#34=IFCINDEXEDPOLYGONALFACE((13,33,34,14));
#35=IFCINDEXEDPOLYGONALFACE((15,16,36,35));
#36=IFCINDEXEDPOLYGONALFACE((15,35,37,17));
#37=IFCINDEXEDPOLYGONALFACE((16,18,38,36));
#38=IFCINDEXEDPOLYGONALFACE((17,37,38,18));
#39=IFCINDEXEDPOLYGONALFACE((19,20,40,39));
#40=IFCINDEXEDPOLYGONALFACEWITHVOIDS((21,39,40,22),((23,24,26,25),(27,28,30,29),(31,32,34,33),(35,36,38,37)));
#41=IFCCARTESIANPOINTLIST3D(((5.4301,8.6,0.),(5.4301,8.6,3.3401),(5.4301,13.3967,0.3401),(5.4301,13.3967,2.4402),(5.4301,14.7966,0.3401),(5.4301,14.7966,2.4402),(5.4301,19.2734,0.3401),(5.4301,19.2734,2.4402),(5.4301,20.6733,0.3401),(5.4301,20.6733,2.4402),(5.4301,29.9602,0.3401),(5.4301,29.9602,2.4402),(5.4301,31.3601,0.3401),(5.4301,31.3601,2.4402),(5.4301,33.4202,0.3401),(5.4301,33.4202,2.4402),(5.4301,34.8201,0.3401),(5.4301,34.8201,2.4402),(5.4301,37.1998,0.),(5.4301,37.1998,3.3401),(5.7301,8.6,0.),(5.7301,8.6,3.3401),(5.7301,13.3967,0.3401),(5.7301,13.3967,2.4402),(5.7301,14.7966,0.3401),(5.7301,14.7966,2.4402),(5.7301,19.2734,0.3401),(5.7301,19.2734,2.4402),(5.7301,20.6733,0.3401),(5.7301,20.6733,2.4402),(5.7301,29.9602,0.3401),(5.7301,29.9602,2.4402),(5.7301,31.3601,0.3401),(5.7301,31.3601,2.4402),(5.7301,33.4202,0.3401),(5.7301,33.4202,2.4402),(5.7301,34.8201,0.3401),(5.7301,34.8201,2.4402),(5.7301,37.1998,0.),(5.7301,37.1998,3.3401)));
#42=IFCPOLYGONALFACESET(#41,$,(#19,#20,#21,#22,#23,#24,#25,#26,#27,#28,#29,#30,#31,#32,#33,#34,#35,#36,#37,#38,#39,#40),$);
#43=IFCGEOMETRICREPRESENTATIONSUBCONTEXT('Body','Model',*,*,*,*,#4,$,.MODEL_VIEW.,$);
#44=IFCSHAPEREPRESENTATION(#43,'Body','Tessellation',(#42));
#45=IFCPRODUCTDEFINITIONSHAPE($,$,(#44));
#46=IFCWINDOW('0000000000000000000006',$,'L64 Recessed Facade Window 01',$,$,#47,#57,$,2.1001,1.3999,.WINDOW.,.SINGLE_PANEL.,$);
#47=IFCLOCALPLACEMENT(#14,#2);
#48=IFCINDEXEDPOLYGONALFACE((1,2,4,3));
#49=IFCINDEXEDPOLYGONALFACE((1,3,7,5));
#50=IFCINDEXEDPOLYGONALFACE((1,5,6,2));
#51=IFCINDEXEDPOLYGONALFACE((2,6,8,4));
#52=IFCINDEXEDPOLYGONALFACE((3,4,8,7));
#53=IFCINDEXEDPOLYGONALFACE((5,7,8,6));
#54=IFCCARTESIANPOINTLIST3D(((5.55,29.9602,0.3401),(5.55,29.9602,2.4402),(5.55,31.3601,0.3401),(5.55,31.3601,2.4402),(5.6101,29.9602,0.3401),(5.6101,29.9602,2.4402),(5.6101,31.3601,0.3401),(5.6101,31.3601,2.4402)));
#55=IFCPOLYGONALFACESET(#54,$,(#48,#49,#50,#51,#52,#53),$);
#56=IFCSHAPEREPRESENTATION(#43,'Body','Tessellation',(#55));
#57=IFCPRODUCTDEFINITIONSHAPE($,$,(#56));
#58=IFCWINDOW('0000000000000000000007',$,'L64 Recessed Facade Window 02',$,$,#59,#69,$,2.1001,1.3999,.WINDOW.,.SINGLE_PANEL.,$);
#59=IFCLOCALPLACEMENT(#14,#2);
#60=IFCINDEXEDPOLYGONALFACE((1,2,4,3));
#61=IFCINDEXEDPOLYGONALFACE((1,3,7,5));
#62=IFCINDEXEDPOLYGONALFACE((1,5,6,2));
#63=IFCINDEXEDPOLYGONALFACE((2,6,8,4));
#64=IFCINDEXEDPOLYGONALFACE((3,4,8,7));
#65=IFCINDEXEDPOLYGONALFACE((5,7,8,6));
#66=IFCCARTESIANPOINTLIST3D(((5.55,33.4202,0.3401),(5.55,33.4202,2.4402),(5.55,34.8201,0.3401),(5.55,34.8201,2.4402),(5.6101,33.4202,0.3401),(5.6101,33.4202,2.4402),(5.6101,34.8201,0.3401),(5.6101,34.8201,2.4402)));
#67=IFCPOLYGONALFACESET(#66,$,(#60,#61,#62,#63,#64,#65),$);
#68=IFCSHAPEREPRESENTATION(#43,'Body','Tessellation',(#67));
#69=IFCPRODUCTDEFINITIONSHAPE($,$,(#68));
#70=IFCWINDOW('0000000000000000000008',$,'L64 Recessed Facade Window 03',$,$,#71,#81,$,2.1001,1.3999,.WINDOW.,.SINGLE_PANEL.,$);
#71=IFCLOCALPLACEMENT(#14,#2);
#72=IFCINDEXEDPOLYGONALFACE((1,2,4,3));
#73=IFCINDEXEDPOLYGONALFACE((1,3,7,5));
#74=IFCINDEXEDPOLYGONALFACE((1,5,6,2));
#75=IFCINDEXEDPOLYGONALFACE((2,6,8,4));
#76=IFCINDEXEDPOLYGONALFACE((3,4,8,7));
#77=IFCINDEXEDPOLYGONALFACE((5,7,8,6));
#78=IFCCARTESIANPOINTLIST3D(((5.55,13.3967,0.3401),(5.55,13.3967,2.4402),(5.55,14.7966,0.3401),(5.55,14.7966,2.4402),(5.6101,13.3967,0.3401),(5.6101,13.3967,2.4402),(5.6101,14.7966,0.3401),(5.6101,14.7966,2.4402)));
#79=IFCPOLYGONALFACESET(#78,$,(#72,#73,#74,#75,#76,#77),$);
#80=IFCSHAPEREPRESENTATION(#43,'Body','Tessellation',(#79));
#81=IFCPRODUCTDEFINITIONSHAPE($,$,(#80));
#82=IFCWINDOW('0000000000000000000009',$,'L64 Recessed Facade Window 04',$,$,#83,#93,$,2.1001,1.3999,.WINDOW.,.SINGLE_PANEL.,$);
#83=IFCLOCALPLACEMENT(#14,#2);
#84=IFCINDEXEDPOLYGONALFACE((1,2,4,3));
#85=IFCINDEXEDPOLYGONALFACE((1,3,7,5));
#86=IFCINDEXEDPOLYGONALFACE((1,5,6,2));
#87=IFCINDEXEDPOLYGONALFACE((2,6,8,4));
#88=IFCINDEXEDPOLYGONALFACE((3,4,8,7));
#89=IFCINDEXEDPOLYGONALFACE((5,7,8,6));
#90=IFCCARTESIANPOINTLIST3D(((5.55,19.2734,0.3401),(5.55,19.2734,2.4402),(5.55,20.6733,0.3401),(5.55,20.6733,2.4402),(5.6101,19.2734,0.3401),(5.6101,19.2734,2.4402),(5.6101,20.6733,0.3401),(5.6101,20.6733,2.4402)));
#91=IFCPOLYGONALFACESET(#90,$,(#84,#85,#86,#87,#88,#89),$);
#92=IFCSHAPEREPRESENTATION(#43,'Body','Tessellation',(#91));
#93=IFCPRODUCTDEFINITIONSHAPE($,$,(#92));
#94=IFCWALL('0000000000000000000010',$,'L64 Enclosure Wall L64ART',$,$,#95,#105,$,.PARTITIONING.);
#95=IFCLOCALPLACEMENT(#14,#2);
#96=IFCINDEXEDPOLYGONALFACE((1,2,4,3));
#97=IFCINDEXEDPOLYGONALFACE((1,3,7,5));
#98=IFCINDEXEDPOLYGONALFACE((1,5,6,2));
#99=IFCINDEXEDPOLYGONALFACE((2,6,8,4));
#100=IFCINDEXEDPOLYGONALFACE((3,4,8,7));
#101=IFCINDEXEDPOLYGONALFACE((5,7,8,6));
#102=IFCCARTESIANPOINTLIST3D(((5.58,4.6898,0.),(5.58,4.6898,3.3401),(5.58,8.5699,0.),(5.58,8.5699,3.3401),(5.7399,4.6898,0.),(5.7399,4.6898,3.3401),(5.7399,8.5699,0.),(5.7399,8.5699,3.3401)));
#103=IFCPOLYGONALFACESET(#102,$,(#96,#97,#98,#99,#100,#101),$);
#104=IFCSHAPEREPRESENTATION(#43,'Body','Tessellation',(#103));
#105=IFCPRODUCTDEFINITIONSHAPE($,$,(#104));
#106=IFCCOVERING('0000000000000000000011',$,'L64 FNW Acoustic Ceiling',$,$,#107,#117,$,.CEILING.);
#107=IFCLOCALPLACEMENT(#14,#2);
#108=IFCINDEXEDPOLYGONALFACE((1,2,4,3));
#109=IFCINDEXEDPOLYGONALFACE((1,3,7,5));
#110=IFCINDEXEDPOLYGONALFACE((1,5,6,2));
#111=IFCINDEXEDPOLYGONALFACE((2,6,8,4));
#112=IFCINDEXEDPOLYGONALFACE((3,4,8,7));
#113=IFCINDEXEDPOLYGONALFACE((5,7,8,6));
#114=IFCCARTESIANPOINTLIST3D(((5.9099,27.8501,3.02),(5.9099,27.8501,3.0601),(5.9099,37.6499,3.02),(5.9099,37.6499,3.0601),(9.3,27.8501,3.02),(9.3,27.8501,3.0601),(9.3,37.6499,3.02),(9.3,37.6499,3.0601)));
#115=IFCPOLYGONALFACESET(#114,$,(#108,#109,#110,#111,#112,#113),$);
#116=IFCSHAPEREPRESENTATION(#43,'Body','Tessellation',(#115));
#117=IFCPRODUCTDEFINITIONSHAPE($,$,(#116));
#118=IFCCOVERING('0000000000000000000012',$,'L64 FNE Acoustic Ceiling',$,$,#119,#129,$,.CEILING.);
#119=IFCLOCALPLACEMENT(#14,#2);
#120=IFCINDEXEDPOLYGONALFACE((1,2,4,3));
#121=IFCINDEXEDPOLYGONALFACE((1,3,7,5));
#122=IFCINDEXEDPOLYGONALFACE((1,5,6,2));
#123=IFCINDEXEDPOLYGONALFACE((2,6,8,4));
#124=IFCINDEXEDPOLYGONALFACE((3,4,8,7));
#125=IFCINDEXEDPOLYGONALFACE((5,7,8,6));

REQUIRED ACTION:
Look over the listing above and copy each line that contains "WINDOW".

EXPECTED ANSWER:
#46=IFCWINDOW('0000000000000000000006',$,'L64 Recessed Facade Window 01',$,$,#47,#57,$,2.1001,1.3999,.WINDOW.,.SINGLE_PANEL.,$);
#58=IFCWINDOW('0000000000000000000007',$,'L64 Recessed Facade Window 02',$,$,#59,#69,$,2.1001,1.3999,.WINDOW.,.SINGLE_PANEL.,$);
#70=IFCWINDOW('0000000000000000000008',$,'L64 Recessed Facade Window 03',$,$,#71,#81,$,2.1001,1.3999,.WINDOW.,.SINGLE_PANEL.,$);
#82=IFCWINDOW('0000000000000000000009',$,'L64 Recessed Facade Window 04',$,$,#83,#93,$,2.1001,1.3999,.WINDOW.,.SINGLE_PANEL.,$);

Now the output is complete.